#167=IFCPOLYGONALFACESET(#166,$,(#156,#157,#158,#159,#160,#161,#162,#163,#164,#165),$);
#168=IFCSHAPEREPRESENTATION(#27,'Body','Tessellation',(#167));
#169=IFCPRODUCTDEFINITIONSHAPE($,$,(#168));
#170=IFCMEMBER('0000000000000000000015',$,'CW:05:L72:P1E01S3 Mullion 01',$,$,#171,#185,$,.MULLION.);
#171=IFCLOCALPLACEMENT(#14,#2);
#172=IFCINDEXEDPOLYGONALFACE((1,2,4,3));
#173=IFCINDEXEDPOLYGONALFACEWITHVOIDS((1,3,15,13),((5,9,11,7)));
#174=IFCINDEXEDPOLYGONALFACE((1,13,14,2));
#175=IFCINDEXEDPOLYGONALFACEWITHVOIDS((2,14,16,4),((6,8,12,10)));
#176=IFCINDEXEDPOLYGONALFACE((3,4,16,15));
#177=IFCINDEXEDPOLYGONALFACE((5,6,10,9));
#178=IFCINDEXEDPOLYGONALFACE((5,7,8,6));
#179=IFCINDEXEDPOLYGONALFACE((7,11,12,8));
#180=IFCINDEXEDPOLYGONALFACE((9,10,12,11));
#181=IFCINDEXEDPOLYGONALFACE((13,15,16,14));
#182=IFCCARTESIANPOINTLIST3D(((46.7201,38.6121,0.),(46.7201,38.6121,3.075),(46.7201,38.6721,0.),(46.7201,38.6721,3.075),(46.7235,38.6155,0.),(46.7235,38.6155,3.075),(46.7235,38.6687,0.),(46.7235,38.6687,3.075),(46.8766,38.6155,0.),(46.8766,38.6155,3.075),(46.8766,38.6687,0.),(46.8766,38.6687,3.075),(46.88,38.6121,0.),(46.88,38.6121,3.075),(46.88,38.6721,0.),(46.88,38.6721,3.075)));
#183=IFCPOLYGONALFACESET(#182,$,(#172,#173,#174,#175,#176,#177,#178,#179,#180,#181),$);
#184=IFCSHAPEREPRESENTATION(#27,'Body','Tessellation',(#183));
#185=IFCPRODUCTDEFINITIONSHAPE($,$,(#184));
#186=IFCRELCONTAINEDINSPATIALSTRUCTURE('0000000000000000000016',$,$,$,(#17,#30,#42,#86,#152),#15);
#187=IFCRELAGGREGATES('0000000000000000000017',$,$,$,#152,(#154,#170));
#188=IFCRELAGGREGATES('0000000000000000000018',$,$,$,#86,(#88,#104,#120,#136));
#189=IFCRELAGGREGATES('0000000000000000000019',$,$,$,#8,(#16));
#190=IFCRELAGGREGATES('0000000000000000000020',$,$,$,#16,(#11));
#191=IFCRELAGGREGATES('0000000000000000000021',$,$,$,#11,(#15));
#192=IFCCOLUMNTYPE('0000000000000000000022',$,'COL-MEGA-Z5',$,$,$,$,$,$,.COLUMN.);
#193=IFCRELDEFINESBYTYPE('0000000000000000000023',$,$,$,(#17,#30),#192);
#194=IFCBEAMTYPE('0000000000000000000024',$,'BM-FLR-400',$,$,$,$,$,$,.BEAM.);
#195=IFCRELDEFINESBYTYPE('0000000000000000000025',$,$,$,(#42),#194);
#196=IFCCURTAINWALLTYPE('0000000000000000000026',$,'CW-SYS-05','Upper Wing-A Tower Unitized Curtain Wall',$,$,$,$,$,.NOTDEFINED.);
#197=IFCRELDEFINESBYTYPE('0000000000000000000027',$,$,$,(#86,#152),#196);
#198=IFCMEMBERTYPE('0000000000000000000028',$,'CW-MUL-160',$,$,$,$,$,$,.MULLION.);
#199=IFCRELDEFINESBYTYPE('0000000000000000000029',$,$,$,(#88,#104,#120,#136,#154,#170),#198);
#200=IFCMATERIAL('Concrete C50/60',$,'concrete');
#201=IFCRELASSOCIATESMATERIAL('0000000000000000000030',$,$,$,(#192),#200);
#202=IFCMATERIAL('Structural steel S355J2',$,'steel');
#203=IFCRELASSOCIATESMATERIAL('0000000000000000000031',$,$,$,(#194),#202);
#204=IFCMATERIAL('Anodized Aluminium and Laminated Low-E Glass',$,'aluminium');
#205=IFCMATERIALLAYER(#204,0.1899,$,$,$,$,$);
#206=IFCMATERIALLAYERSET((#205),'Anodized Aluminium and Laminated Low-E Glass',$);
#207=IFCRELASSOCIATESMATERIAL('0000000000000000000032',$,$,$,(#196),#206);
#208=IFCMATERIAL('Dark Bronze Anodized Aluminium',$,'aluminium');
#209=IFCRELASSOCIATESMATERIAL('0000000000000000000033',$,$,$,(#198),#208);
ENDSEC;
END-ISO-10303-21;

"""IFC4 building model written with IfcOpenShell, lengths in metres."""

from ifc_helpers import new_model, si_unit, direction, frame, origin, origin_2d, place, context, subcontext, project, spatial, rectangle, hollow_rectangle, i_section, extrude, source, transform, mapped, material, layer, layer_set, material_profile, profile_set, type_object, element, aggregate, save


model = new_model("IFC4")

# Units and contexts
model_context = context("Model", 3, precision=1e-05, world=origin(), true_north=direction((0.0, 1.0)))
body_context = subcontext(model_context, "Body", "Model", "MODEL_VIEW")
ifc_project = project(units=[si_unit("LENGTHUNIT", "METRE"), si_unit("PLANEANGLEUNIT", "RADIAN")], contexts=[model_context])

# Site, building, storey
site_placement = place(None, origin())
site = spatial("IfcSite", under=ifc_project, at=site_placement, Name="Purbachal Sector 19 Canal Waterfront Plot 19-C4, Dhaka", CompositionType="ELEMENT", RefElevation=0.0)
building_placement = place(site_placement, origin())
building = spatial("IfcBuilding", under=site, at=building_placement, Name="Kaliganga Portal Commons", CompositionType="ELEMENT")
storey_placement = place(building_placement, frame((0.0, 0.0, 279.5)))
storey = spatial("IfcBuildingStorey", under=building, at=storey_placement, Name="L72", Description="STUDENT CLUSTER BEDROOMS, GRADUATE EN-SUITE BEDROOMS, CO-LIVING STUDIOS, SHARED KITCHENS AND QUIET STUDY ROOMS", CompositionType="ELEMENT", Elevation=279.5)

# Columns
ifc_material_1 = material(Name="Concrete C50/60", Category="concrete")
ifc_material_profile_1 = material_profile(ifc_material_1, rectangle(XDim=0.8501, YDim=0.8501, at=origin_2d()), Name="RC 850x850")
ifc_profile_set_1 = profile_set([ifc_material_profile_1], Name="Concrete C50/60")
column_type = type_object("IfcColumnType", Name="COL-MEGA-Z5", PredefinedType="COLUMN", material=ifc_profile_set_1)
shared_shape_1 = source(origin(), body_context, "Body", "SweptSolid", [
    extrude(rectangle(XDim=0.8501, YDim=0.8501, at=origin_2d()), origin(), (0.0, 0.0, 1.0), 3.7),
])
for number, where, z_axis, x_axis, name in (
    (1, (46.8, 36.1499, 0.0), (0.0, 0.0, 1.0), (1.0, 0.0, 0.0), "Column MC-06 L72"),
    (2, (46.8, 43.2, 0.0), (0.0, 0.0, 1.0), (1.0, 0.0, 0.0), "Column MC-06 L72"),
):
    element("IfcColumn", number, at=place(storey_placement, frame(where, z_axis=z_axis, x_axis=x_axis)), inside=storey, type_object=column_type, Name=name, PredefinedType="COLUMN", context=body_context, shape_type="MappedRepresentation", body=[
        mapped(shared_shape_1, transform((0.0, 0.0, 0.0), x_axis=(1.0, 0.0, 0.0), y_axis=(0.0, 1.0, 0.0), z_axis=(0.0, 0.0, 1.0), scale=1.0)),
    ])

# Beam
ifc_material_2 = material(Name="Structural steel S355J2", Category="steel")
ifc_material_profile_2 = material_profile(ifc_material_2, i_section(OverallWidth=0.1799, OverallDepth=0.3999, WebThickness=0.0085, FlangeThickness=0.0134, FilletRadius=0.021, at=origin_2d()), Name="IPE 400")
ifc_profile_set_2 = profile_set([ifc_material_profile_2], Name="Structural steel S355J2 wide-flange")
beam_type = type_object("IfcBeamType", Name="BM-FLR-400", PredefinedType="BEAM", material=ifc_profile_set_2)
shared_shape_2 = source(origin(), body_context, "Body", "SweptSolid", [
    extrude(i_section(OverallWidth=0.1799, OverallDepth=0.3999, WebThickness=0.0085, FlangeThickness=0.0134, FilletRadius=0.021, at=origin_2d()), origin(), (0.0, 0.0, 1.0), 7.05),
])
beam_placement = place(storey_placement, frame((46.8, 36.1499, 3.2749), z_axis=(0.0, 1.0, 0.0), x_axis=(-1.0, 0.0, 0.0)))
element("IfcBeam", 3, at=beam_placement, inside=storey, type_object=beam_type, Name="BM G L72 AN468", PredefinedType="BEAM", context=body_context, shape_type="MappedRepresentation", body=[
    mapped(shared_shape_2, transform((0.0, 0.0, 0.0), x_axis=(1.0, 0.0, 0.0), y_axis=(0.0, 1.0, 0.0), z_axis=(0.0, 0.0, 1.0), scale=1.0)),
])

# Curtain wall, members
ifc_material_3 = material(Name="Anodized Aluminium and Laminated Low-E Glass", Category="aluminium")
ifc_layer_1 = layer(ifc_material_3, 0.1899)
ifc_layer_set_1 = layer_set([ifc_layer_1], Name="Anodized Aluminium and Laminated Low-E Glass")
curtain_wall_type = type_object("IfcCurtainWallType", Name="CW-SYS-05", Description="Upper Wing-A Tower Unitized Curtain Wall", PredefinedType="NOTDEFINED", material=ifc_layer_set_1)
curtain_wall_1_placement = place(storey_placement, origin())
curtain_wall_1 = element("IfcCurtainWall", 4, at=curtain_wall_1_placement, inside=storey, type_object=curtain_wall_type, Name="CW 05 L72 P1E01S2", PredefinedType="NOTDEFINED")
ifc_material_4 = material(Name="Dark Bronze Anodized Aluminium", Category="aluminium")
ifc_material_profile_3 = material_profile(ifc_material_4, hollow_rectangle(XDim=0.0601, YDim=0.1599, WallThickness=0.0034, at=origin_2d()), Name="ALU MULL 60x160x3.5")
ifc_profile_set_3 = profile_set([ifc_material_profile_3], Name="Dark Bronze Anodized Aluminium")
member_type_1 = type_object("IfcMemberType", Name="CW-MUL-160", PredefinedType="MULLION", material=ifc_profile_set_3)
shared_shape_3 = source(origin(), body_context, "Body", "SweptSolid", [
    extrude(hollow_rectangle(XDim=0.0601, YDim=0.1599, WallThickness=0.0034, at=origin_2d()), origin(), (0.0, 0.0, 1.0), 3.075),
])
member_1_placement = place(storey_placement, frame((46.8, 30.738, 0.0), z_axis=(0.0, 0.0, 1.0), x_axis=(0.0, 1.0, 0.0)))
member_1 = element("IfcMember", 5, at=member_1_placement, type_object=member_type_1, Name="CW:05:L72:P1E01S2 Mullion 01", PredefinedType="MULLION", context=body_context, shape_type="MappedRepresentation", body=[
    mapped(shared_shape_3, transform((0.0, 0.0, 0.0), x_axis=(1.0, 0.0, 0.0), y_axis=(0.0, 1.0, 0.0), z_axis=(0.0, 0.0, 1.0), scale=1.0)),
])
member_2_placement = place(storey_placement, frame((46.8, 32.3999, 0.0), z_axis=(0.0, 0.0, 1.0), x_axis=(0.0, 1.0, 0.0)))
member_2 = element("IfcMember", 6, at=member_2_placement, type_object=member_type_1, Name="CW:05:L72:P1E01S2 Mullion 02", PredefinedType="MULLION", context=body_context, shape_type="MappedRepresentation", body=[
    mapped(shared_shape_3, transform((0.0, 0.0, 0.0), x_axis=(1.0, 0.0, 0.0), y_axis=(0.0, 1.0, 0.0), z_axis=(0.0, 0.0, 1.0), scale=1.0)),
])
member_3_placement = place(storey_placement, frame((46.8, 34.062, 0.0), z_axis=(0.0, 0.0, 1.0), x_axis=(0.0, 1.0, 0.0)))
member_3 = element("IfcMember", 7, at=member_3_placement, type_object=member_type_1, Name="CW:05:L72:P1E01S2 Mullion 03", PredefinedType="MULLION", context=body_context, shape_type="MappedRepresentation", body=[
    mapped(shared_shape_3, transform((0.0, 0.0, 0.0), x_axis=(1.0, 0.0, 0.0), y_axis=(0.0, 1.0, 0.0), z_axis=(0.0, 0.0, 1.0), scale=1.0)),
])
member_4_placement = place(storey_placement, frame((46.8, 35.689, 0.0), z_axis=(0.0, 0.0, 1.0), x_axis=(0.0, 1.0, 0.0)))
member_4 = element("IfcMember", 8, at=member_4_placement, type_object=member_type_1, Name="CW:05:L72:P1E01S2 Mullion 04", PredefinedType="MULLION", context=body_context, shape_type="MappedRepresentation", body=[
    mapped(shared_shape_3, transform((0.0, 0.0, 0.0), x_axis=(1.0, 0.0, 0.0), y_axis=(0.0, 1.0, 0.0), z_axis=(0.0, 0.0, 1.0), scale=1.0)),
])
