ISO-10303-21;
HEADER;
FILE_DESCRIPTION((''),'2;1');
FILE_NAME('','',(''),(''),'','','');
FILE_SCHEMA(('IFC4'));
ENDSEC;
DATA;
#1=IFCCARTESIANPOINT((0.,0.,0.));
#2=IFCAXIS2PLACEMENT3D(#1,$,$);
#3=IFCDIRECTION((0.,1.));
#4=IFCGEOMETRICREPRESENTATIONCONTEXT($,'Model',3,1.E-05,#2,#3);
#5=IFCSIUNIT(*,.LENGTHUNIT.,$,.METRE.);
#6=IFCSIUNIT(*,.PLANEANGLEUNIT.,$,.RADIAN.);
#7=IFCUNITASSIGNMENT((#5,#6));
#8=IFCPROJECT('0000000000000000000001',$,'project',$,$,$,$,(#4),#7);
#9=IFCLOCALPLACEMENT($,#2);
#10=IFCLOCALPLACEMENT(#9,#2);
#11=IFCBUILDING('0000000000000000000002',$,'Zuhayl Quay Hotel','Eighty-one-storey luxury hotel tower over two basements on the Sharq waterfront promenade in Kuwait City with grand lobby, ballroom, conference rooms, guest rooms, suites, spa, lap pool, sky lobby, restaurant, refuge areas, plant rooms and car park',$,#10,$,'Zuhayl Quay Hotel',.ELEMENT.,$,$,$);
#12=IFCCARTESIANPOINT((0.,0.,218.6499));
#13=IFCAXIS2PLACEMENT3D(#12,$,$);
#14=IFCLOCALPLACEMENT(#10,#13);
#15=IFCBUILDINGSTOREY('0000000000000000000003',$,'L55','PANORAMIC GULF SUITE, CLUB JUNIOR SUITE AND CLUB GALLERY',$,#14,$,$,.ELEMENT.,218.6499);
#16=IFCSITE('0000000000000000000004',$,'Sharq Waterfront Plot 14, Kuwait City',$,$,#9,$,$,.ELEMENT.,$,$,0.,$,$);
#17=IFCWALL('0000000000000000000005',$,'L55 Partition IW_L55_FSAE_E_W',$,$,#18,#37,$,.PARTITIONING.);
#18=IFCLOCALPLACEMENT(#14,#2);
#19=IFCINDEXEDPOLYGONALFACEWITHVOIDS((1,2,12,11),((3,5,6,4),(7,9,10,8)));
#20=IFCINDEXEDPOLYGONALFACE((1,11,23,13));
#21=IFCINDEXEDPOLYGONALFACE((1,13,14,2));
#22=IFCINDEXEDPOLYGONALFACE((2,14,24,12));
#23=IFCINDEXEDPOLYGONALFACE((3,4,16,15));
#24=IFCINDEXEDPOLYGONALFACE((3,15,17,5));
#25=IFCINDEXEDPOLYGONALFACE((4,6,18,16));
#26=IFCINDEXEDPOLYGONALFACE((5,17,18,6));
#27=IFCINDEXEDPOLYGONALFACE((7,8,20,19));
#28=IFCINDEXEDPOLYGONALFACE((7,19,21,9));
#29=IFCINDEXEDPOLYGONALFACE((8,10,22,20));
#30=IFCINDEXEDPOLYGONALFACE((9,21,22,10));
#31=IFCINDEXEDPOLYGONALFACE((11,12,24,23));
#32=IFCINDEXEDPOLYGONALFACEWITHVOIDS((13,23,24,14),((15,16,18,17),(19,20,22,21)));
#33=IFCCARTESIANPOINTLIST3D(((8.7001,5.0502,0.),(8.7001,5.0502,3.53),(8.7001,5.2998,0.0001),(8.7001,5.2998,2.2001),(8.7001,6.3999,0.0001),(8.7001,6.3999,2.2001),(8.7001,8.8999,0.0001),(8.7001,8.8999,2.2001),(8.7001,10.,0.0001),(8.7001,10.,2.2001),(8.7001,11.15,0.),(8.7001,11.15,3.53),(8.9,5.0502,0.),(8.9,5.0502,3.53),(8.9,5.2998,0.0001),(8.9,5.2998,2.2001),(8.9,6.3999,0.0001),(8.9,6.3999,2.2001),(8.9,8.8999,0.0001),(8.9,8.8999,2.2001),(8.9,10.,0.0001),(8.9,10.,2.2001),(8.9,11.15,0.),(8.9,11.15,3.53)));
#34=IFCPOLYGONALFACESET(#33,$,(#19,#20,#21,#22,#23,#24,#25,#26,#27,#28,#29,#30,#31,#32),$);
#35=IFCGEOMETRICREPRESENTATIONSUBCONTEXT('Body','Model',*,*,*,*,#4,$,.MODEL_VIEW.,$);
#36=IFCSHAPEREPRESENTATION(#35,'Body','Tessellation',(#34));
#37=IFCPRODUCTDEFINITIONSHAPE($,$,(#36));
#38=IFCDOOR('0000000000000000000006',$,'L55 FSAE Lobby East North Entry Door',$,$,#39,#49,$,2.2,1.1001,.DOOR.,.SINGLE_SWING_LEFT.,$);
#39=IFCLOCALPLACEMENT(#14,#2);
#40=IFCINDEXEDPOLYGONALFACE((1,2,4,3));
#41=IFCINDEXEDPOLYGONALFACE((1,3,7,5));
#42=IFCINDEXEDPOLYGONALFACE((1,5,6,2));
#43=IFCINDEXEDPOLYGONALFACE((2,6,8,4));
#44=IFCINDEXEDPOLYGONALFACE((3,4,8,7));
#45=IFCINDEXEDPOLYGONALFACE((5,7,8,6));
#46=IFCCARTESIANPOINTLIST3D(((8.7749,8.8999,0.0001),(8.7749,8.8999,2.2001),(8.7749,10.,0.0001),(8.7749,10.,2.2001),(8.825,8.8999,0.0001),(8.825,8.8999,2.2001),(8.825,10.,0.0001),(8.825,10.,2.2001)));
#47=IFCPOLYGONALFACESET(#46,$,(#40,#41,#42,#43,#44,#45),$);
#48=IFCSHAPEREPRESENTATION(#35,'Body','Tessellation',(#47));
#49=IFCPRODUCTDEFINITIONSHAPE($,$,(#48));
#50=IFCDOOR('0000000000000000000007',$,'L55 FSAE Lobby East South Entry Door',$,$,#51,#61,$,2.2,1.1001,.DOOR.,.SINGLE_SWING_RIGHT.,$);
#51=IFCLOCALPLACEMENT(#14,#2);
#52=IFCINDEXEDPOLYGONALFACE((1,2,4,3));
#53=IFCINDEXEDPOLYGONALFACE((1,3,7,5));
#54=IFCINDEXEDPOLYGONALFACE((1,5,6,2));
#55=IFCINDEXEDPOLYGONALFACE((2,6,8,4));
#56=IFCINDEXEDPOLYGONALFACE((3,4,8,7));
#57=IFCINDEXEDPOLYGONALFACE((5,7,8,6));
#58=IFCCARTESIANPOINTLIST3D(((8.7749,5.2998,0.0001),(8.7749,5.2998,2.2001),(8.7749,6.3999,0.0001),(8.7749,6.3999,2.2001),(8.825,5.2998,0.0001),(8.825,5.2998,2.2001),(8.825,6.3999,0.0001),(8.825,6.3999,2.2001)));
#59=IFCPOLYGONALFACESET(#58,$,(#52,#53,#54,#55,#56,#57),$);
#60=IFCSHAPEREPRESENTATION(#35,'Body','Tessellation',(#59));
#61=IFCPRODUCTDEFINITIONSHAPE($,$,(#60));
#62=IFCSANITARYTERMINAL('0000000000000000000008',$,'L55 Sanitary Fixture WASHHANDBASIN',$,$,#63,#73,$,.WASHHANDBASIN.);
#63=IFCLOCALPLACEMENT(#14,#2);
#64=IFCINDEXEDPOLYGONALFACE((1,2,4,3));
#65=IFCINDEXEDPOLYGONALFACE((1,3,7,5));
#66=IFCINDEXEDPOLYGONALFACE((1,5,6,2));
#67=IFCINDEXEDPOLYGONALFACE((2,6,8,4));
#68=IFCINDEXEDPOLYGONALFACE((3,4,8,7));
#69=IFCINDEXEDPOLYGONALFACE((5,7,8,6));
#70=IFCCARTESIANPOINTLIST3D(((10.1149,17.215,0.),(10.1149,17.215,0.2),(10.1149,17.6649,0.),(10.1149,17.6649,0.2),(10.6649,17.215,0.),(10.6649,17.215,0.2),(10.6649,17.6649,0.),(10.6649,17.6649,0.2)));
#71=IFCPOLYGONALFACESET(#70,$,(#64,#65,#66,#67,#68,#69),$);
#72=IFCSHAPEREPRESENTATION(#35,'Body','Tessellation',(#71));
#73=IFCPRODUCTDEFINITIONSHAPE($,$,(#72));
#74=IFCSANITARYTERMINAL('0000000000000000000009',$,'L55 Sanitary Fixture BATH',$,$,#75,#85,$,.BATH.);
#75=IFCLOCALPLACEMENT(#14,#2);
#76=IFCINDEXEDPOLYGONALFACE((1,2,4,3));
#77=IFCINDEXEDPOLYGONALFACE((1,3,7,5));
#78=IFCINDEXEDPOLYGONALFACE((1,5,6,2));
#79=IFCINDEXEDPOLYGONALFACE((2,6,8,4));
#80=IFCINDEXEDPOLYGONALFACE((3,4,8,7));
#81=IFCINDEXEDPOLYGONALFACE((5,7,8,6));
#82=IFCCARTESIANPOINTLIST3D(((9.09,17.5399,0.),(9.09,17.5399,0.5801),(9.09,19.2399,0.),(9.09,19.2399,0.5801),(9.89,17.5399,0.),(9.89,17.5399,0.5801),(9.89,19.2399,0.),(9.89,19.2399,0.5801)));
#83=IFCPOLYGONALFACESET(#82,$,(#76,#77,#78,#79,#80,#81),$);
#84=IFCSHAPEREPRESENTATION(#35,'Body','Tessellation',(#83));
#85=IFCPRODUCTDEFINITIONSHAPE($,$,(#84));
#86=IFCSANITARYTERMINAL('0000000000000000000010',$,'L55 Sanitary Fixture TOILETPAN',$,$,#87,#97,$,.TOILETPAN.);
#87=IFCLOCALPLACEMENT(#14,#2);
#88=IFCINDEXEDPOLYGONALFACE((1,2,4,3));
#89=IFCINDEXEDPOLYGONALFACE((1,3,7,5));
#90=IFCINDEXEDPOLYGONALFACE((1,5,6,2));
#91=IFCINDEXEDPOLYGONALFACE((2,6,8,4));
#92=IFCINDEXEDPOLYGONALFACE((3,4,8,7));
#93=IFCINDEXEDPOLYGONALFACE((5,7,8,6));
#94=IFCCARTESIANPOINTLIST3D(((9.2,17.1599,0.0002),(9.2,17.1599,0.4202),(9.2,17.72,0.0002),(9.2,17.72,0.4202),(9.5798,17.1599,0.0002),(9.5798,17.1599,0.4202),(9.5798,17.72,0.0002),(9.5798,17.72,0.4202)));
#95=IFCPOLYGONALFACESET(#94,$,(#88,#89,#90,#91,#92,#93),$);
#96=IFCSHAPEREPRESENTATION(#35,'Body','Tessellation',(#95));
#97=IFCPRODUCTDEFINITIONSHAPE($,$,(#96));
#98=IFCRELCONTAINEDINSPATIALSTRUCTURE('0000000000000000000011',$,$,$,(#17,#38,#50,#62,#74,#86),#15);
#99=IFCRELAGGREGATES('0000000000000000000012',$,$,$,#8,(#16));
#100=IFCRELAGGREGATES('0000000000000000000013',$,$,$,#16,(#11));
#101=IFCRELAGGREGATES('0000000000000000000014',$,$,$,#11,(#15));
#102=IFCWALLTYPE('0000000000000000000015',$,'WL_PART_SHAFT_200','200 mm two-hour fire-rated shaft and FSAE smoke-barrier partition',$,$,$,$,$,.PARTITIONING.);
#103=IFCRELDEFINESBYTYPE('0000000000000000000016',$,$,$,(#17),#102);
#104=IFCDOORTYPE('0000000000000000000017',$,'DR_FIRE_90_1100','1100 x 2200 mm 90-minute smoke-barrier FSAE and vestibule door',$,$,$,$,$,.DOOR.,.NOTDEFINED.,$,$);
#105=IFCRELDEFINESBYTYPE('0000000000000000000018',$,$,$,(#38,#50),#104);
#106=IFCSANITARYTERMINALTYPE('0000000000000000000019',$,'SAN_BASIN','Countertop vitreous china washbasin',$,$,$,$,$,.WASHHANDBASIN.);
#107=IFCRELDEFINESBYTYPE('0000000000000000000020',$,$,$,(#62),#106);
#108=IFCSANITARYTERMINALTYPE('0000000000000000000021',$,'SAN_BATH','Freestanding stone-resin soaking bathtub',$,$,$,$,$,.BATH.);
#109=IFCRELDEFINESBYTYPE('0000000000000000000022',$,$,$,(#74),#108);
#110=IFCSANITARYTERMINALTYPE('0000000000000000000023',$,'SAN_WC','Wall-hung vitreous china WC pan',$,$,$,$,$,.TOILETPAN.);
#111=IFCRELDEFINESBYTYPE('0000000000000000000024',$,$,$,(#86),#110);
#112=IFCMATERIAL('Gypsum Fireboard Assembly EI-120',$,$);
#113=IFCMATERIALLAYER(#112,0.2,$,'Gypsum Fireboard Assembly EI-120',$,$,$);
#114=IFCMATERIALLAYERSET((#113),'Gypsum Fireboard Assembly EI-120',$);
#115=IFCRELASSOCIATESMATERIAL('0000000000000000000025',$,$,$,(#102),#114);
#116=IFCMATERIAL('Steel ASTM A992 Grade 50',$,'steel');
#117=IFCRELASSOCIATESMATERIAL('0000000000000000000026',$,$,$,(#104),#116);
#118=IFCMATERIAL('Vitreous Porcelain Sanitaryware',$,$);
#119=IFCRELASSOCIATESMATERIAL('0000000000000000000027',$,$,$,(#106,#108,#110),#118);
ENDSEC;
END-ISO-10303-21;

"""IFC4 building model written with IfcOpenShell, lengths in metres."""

from ifc_helpers import new_model, si_unit, direction, frame, frame_2d, origin, origin_2d, place, context, subcontext, project, spatial, rectangle, extrude, material, layer, layer_set, type_object, element, fill, save


model = new_model("IFC4")

# Units and contexts
model_context = context("Model", 3, precision=1e-05, world=origin(), true_north=direction((0.0, 1.0)))
body_context = subcontext(model_context, "Body", "Model", "MODEL_VIEW")
ifc_project = project(units=[si_unit("LENGTHUNIT", "METRE"), si_unit("PLANEANGLEUNIT", "RADIAN")], contexts=[model_context])

# Site, building, storey
site_placement = place(None, origin())
site = spatial("IfcSite", under=ifc_project, at=site_placement, Name="Sharq Waterfront Plot 14, Kuwait City", CompositionType="ELEMENT", RefElevation=0.0)
building_placement = place(site_placement, origin())
building = spatial("IfcBuilding", under=site, at=building_placement, Name="Zuhayl Quay Hotel", Description="Eighty-one-storey luxury hotel tower over two basements on the Sharq waterfront promenade in Kuwait City with grand lobby, ballroom, conference rooms, guest rooms, suites, spa, lap pool, sky lobby, restaurant, refuge areas, plant rooms and car park", LongName="Zuhayl Quay Hotel", CompositionType="ELEMENT")
storey_placement = place(building_placement, frame((0.0, 0.0, 218.6499)))
storey = spatial("IfcBuildingStorey", under=building, at=storey_placement, Name="L55", Description="PANORAMIC GULF SUITE, CLUB JUNIOR SUITE AND CLUB GALLERY", CompositionType="ELEMENT", Elevation=218.6499)

# Shared definitions
ifc_material_1 = material(Name="Steel ASTM A992 Grade 50", Category="steel")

◆ ◆ ◆ ◆ ◆ ◆ ◆

ASSIGNMENT |
Send back exactly, with nothing added, the lines from the first line of the material above through the line holding "#181=IFCINDEXEDPOLYGONALFACE((13,15,16,14));"; both ends are included.

TASK ANSWER |
#167=IFCPOLYGONALFACESET(#166,$,(#156,#157,#158,#159,#160,#161,#162,#163,#164,#165),$);
#168=IFCSHAPEREPRESENTATION(#27,'Body','Tessellation',(#167));
#169=IFCPRODUCTDEFINITIONSHAPE($,$,(#168));
#170=IFCMEMBER('0000000000000000000015',$,'CW:05:L72:P1E01S3 Mullion 01',$,$,#171,#185,$,.MULLION.);
#171=IFCLOCALPLACEMENT(#14,#2);
#172=IFCINDEXEDPOLYGONALFACE((1,2,4,3));
#173=IFCINDEXEDPOLYGONALFACEWITHVOIDS((1,3,15,13),((5,9,11,7)));
#174=IFCINDEXEDPOLYGONALFACE((1,13,14,2));
#175=IFCINDEXEDPOLYGONALFACEWITHVOIDS((2,14,16,4),((6,8,12,10)));
#176=IFCINDEXEDPOLYGONALFACE((3,4,16,15));
#177=IFCINDEXEDPOLYGONALFACE((5,6,10,9));
#178=IFCINDEXEDPOLYGONALFACE((5,7,8,6));
#179=IFCINDEXEDPOLYGONALFACE((7,11,12,8));
#180=IFCINDEXEDPOLYGONALFACE((9,10,12,11));
#181=IFCINDEXEDPOLYGONALFACE((13,15,16,14));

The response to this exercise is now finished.